- **YOUR ASSIGNMENT**
Report how many lines in the records below contain the word "IFCRELASSOCIATESMATERIAL". Give only the number.

==== EXTRACTED ENTRIES

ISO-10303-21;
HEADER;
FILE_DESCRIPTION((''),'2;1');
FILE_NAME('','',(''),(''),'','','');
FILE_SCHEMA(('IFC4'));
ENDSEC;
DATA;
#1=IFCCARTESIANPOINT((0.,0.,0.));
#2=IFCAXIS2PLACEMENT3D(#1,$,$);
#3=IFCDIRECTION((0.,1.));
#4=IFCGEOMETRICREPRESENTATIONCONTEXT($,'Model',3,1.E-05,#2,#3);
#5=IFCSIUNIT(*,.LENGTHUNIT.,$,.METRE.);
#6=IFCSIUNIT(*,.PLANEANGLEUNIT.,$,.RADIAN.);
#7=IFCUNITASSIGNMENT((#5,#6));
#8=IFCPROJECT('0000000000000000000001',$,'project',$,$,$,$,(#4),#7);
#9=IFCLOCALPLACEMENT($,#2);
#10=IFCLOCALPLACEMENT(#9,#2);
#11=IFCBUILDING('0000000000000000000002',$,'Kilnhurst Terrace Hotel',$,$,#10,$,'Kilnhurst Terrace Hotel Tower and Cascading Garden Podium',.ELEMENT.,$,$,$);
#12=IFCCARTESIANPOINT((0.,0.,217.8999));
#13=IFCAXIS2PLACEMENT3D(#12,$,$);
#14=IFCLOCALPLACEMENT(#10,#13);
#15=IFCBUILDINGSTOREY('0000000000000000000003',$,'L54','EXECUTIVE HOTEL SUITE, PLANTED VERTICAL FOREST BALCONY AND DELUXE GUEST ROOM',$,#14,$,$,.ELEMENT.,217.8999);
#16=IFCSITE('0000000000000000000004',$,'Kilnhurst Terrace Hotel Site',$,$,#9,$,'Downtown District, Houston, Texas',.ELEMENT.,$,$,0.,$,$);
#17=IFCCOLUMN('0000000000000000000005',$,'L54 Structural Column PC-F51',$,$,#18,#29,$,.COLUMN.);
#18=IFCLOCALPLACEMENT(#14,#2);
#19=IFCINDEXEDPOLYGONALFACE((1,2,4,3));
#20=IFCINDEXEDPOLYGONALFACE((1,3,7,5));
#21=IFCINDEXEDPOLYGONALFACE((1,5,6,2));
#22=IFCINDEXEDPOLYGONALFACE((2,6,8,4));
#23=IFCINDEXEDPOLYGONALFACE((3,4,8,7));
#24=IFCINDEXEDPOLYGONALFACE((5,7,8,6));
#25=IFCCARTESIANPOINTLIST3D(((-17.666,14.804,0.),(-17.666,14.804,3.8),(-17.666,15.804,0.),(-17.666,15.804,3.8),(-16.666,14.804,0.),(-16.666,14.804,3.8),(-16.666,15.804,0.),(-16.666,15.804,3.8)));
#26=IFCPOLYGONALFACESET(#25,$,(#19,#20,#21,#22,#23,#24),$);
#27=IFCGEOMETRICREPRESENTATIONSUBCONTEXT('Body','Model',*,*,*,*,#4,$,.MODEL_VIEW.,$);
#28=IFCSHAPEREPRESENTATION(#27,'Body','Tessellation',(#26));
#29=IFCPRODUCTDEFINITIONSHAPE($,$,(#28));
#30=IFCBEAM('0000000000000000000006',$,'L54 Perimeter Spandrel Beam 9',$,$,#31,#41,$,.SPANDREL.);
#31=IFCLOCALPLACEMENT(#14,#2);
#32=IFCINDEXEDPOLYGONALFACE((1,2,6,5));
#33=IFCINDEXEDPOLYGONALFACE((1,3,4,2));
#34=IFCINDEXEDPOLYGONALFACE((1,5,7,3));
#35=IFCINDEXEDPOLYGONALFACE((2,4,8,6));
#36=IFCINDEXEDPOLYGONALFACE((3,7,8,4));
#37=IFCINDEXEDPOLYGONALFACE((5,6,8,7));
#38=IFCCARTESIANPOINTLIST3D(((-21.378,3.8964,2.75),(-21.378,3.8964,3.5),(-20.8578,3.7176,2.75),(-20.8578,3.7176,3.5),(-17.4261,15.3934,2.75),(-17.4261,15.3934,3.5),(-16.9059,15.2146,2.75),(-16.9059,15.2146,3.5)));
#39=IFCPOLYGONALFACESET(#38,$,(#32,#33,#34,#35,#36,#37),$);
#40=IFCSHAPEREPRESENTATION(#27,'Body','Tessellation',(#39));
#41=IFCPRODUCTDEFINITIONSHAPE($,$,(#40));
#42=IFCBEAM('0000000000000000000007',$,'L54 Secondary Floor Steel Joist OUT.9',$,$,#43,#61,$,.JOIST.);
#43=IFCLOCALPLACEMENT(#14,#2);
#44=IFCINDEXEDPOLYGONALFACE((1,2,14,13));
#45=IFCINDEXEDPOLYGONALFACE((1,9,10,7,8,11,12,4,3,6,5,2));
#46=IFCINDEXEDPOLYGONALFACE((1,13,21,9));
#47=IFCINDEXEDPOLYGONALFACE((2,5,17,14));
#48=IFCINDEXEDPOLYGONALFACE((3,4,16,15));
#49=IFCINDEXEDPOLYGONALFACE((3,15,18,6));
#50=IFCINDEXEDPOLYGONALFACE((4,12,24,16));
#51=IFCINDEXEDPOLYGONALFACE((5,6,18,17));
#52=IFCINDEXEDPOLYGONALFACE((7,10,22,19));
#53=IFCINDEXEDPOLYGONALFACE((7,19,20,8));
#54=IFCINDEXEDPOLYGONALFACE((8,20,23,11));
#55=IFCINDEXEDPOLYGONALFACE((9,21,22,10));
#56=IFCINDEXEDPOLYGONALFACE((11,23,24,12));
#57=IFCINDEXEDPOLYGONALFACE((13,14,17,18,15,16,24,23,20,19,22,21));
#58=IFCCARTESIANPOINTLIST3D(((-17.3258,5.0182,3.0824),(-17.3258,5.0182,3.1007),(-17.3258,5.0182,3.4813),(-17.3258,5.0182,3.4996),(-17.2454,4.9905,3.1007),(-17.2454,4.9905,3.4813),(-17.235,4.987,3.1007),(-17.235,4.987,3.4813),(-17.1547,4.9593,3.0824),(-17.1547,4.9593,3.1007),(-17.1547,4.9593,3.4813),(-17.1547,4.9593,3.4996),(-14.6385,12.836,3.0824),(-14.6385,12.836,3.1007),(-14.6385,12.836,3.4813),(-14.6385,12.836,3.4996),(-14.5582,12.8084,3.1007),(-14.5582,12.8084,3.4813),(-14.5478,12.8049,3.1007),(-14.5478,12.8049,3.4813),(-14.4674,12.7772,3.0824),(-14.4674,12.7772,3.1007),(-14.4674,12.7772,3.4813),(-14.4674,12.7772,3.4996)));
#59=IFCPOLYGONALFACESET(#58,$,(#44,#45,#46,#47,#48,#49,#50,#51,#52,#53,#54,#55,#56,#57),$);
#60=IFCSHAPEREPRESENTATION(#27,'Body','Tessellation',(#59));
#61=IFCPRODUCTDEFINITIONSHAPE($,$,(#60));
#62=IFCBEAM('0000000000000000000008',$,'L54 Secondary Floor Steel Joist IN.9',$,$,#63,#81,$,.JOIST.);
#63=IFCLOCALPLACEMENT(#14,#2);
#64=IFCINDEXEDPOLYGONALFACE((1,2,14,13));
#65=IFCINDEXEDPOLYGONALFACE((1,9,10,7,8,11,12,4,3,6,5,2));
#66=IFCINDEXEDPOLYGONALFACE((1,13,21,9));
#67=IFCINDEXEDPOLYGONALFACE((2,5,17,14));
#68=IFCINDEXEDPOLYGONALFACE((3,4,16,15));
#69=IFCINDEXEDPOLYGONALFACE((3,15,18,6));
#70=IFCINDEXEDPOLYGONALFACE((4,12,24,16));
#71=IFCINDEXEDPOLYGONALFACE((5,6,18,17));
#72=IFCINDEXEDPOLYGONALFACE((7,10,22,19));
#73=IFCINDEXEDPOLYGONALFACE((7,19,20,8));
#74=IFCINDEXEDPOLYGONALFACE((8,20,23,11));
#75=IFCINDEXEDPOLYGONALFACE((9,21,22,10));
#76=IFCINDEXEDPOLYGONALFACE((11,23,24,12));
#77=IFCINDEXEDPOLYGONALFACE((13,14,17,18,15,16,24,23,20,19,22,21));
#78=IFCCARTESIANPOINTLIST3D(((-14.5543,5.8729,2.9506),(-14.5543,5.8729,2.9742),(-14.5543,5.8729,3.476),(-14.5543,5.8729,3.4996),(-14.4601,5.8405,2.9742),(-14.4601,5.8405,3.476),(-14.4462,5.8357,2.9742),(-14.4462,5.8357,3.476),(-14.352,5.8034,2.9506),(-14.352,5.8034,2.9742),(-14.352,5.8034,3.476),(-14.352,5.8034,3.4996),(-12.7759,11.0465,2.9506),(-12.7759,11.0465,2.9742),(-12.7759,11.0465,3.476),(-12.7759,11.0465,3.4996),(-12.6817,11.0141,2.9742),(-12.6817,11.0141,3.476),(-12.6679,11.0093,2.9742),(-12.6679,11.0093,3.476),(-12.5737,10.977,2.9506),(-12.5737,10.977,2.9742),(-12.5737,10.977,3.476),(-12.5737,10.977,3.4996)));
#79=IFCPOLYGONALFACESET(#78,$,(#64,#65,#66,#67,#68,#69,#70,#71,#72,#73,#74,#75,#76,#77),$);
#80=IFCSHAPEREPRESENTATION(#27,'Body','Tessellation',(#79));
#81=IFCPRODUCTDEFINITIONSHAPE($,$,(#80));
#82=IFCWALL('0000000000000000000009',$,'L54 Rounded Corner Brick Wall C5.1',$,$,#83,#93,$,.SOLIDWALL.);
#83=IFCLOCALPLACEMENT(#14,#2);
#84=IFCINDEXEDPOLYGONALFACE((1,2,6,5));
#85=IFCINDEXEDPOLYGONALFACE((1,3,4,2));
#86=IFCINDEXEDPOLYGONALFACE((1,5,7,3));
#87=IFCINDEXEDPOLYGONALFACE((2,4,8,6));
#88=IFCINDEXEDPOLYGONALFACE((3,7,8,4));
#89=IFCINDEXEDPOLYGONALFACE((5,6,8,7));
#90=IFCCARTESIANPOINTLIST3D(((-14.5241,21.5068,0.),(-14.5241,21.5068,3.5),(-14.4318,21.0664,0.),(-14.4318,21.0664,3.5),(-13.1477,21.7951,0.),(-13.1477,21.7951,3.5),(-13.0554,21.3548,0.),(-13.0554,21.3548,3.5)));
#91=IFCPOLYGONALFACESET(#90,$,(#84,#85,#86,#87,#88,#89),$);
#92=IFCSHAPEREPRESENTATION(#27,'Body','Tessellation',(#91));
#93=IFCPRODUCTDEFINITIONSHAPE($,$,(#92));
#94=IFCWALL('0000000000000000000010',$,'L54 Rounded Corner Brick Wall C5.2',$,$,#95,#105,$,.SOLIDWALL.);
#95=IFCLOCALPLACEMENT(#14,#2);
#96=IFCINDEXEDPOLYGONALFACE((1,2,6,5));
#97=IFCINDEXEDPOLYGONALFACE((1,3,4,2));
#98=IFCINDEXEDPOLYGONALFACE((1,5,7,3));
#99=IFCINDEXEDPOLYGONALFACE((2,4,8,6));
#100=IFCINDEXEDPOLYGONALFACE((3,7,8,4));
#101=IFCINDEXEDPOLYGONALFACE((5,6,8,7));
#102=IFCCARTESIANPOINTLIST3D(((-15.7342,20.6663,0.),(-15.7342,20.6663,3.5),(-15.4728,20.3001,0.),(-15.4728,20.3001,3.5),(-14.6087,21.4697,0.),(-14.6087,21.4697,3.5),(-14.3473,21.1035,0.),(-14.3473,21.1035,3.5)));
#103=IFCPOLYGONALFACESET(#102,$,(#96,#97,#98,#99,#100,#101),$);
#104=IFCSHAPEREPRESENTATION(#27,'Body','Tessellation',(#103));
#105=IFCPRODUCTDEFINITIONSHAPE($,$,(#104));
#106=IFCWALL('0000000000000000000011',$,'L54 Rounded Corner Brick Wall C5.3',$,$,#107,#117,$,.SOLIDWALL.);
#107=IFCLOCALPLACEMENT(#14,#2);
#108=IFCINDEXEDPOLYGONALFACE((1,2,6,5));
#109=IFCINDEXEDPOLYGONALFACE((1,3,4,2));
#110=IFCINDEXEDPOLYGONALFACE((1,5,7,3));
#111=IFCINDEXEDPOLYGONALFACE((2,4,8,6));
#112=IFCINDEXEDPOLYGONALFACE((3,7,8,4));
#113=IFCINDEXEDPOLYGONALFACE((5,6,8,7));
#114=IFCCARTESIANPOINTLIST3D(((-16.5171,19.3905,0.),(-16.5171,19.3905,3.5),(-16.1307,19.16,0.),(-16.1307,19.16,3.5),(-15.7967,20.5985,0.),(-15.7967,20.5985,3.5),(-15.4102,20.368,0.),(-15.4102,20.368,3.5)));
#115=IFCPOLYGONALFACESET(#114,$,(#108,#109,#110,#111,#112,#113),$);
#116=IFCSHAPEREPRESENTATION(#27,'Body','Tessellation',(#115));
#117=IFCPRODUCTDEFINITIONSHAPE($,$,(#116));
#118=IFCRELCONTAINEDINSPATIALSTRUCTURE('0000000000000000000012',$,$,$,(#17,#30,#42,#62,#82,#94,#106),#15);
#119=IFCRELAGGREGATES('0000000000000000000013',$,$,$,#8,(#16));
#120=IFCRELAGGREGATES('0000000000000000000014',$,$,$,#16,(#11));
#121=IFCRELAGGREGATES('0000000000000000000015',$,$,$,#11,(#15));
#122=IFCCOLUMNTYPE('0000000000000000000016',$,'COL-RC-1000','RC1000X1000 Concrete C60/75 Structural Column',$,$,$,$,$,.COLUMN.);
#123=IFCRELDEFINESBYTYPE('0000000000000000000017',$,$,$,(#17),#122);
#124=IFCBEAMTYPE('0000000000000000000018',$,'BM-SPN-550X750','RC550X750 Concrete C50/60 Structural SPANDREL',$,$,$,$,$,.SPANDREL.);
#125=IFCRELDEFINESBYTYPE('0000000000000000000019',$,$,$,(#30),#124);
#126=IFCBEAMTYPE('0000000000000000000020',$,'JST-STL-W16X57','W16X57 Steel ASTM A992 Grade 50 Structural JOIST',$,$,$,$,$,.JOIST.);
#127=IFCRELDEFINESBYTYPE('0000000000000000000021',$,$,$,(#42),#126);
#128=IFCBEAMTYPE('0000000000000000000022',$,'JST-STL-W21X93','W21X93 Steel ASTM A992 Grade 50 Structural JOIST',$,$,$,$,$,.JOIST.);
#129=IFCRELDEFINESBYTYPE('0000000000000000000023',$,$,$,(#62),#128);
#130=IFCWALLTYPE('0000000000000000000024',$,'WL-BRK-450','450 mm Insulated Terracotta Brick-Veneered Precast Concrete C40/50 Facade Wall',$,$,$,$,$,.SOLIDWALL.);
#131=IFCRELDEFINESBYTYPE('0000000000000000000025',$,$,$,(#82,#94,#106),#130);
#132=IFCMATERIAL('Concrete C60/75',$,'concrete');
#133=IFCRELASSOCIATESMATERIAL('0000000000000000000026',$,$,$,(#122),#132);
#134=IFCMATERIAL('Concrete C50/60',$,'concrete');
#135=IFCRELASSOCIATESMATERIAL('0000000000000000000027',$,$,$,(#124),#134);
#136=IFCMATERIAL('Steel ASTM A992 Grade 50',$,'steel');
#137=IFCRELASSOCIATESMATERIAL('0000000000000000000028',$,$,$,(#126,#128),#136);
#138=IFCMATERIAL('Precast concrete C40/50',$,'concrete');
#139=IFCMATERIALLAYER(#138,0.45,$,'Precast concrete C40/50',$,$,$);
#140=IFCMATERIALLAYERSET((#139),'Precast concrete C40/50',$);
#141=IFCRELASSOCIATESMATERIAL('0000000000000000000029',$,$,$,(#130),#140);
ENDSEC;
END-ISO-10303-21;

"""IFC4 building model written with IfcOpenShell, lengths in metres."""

from ifc_helpers import new_model, si_unit, direction, frame, frame_2d, origin, origin_2d, place, context, subcontext, project, spatial, rectangle, i_section, extrude, material, layer, layer_set, material_profile, profile_set, type_object, element, save


model = new_model("IFC4")

# Units and contexts
model_context = context("Model", 3, precision=1e-05, world=origin(), true_north=direction((0.0, 1.0)))
body_context = subcontext(model_context, "Body", "Model", "MODEL_VIEW")
ifc_project = project(units=[si_unit("LENGTHUNIT", "METRE"), si_unit("PLANEANGLEUNIT", "RADIAN")], contexts=[model_context])

# Site, building, storey
site_placement = place(None, origin())
site = spatial("IfcSite", under=ifc_project, at=site_placement, Name="Kilnhurst Terrace Hotel Site", LongName="Downtown District, Houston, Texas", CompositionType="ELEMENT", RefElevation=0.0)
building_placement = place(site_placement, origin())
building = spatial("IfcBuilding", under=site, at=building_placement, Name="Kilnhurst Terrace Hotel", LongName="Kilnhurst Terrace Hotel Tower and Cascading Garden Podium", CompositionType="ELEMENT")
storey_placement = place(building_placement, frame((0.0, 0.0, 217.8999)))
storey = spatial("IfcBuildingStorey", under=building, at=storey_placement, Name="L54", Description="EXECUTIVE HOTEL SUITE, PLANTED VERTICAL FOREST BALCONY AND DELUXE GUEST ROOM", CompositionType="ELEMENT", Elevation=217.8999)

========

- **OUTPUT BELOW**
4